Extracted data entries

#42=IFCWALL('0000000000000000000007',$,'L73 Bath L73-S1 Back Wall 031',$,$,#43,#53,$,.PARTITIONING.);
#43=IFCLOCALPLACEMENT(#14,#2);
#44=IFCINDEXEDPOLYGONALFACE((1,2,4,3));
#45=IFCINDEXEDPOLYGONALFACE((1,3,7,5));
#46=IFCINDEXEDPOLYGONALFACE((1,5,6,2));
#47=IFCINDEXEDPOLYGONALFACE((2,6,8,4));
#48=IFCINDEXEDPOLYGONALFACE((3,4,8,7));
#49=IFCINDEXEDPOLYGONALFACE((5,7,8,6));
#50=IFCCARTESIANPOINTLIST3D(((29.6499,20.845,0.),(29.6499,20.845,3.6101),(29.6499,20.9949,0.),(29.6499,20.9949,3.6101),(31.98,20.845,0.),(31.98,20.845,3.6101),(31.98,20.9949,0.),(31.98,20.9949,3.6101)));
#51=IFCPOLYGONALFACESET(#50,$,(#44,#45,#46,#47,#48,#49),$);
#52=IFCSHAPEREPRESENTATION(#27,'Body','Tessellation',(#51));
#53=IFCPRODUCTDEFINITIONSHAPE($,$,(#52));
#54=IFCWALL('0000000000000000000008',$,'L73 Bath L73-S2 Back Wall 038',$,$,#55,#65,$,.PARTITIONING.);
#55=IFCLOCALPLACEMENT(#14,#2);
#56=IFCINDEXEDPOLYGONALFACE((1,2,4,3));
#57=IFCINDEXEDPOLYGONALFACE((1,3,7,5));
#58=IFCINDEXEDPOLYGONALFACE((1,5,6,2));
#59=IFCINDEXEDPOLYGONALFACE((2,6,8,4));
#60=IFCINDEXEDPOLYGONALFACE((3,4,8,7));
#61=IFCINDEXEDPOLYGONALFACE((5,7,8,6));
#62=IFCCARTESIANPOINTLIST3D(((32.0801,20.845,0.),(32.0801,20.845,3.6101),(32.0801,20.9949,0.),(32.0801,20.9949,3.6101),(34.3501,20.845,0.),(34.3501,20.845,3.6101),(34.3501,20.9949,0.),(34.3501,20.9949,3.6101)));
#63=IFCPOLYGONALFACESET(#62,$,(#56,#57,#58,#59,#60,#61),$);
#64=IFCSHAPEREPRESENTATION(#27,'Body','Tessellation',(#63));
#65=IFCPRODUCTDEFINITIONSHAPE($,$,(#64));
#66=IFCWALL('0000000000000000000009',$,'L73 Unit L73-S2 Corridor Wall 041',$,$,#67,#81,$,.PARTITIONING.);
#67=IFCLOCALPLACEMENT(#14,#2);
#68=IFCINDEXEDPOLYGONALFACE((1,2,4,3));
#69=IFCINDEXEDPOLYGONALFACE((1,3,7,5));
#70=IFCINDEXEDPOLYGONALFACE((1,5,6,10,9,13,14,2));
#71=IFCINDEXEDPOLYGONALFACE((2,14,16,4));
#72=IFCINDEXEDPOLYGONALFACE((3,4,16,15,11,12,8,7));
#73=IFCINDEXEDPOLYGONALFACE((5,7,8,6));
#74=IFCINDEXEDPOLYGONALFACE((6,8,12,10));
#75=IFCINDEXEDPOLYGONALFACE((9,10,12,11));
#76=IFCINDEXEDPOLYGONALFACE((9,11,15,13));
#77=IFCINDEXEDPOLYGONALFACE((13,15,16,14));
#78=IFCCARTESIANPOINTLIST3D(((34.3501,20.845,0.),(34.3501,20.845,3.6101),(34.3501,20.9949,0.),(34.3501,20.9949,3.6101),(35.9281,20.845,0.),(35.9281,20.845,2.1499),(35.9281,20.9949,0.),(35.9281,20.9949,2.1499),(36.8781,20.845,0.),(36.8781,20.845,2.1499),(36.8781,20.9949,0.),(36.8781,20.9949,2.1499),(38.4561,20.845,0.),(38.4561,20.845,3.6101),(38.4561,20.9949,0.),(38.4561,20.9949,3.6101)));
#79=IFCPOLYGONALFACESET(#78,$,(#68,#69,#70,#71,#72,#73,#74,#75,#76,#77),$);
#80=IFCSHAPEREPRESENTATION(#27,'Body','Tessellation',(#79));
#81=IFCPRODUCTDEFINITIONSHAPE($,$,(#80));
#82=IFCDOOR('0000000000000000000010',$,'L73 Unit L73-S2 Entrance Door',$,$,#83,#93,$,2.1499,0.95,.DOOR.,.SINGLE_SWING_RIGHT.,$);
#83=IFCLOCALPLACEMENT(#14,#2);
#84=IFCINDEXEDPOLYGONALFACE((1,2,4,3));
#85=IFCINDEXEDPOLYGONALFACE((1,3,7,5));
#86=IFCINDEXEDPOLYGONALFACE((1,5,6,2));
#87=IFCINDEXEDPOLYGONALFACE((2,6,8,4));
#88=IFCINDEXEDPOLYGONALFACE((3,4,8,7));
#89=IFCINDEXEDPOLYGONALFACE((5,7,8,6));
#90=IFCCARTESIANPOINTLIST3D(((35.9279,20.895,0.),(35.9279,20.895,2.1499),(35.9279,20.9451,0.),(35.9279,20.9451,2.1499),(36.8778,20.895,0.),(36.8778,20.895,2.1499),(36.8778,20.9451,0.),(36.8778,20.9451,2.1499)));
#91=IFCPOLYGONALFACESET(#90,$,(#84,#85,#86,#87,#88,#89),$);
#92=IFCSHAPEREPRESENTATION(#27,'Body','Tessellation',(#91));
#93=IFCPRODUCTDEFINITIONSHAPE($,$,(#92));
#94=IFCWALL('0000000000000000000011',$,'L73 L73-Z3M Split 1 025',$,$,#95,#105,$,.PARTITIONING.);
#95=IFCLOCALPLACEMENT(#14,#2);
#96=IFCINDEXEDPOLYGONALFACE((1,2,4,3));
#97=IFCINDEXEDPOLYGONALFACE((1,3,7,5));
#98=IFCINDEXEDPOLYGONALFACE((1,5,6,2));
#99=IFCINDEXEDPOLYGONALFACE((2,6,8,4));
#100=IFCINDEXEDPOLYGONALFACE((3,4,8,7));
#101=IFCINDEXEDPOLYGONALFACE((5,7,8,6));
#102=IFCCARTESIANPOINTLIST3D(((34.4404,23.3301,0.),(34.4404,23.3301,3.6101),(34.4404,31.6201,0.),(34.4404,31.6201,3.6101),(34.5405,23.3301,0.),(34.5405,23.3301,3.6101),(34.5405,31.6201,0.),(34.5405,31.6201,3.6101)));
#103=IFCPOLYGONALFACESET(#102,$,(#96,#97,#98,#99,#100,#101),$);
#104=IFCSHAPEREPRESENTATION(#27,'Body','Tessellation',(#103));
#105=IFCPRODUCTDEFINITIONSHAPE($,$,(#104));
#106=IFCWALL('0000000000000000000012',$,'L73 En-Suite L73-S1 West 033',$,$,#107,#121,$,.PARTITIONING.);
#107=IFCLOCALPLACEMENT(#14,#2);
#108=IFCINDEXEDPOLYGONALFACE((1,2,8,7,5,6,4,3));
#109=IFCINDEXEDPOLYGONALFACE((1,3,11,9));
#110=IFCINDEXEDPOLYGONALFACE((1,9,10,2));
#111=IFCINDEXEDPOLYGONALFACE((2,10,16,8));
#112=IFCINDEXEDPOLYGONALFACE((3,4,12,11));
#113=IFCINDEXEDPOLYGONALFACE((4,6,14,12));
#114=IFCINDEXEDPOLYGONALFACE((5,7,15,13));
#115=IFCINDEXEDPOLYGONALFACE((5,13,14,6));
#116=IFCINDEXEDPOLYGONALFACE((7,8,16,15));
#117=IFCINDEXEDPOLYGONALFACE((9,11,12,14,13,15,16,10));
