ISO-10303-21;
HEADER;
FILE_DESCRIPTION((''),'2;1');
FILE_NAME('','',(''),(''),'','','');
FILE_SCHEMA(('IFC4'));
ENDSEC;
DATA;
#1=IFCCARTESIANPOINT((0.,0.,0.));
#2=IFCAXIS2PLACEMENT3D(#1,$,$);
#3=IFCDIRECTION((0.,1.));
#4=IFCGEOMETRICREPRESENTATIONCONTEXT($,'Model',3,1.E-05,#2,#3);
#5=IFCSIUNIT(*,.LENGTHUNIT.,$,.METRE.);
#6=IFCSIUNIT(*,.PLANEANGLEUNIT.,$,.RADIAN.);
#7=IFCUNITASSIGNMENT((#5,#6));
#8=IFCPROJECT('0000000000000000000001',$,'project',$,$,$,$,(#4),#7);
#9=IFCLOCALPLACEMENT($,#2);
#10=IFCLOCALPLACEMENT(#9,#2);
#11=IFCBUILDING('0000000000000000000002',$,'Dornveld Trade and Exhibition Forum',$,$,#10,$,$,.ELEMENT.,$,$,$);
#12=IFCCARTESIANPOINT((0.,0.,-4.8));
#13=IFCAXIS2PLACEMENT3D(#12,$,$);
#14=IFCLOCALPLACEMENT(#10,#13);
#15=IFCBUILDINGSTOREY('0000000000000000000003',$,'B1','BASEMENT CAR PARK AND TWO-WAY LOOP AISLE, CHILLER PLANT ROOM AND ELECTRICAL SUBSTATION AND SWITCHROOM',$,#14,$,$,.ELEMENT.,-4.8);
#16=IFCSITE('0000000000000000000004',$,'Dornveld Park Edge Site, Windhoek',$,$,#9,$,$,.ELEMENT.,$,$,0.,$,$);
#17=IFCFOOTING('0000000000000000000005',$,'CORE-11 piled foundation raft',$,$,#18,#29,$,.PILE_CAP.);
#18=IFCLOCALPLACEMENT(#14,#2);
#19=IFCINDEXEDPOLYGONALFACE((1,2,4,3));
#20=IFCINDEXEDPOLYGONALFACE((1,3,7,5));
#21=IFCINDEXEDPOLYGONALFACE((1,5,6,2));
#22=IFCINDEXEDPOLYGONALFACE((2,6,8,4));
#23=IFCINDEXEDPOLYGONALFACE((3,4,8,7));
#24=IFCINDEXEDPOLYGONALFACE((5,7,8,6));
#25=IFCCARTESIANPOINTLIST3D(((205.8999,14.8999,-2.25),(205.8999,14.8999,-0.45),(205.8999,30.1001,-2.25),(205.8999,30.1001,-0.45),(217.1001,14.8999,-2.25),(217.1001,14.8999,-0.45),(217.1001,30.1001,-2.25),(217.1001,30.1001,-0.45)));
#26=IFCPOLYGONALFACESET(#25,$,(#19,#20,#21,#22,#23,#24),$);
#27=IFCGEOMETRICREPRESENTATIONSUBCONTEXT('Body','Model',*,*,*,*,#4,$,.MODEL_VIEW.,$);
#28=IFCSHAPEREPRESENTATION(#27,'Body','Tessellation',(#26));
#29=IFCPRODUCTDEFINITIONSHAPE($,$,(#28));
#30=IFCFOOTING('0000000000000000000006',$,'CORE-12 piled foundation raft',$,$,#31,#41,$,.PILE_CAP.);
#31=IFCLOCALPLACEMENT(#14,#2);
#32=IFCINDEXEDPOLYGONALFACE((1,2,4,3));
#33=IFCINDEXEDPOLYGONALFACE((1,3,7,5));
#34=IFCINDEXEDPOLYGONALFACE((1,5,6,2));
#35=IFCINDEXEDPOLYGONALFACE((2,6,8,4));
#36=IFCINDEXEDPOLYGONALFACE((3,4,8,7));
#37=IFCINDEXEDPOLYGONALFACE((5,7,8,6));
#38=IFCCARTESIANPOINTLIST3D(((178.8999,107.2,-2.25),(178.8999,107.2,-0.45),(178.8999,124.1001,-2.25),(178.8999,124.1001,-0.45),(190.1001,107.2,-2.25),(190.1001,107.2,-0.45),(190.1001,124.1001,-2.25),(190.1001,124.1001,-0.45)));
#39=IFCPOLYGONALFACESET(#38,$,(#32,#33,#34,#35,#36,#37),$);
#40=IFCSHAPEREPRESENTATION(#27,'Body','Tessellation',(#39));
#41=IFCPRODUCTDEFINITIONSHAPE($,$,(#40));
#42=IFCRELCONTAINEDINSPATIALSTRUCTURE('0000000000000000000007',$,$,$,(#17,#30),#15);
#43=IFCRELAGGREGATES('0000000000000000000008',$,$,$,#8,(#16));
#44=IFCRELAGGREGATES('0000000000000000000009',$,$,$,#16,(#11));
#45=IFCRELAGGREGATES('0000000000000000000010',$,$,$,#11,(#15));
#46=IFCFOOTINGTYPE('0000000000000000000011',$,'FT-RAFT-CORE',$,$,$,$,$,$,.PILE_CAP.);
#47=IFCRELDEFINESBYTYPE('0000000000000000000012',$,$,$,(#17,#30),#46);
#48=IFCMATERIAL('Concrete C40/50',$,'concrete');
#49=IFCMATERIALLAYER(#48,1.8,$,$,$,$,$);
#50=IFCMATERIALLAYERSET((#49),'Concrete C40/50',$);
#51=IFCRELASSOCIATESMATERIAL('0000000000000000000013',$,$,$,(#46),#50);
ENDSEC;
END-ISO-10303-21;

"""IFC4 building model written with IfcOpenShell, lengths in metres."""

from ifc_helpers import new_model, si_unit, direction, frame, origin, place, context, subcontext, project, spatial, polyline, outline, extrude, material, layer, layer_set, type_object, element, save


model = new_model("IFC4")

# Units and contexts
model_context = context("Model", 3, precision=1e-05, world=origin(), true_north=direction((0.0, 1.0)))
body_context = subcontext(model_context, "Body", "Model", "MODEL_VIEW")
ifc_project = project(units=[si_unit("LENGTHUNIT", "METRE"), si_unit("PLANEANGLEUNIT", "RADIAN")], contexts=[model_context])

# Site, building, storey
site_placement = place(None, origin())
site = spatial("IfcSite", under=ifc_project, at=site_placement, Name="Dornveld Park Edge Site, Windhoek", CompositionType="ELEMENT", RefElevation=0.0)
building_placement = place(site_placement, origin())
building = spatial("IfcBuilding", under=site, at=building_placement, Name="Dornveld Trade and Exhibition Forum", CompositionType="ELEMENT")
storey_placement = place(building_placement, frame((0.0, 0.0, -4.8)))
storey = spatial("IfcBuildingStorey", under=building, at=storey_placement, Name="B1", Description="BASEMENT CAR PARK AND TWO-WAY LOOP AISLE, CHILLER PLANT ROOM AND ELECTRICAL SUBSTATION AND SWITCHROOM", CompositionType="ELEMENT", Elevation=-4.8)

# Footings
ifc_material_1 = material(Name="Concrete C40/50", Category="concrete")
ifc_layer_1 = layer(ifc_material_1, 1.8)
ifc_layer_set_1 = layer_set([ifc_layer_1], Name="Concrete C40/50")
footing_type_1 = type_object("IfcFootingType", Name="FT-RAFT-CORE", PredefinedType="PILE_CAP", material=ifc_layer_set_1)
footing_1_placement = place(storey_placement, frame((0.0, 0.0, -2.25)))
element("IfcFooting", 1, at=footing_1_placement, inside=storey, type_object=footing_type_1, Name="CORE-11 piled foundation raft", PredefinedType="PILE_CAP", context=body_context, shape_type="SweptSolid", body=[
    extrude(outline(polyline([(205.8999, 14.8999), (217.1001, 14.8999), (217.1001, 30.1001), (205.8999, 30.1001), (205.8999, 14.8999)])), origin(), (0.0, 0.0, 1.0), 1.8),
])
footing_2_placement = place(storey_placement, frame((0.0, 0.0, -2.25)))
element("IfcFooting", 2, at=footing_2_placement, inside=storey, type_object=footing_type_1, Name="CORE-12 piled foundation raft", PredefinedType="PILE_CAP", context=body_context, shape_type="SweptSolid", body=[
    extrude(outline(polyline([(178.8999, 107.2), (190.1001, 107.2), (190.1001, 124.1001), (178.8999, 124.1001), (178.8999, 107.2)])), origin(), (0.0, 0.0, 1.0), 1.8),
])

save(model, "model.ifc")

**PROBLEM**
Could you restate, word for word, the lines above from the one with "#23=IFCINDEXEDPOLYGONALFACE((3,4,8,7));" to the one with "#36=IFCINDEXEDPOLYGONALFACE((3,4,8,7));", both included?

**SOLUTION TO THE EXERCISE**
#23=IFCINDEXEDPOLYGONALFACE((3,4,8,7));
#24=IFCINDEXEDPOLYGONALFACE((5,7,8,6));
#25=IFCCARTESIANPOINTLIST3D(((205.8999,14.8999,-2.25),(205.8999,14.8999,-0.45),(205.8999,30.1001,-2.25),(205.8999,30.1001,-0.45),(217.1001,14.8999,-2.25),(217.1001,14.8999,-0.45),(217.1001,30.1001,-2.25),(217.1001,30.1001,-0.45)));
#26=IFCPOLYGONALFACESET(#25,$,(#19,#20,#21,#22,#23,#24),$);
#27=IFCGEOMETRICREPRESENTATIONSUBCONTEXT('Body','Model',*,*,*,*,#4,$,.MODEL_VIEW.,$);
#28=IFCSHAPEREPRESENTATION(#27,'Body','Tessellation',(#26));
#29=IFCPRODUCTDEFINITIONSHAPE($,$,(#28));
#30=IFCFOOTING('0000000000000000000006',$,'CORE-12 piled foundation raft',$,$,#31,#41,$,.PILE_CAP.);
#31=IFCLOCALPLACEMENT(#14,#2);
#32=IFCINDEXEDPOLYGONALFACE((1,2,4,3));
#33=IFCINDEXEDPOLYGONALFACE((1,3,7,5));
#34=IFCINDEXEDPOLYGONALFACE((1,5,6,2));
#35=IFCINDEXEDPOLYGONALFACE((2,6,8,4));
#36=IFCINDEXEDPOLYGONALFACE((3,4,8,7));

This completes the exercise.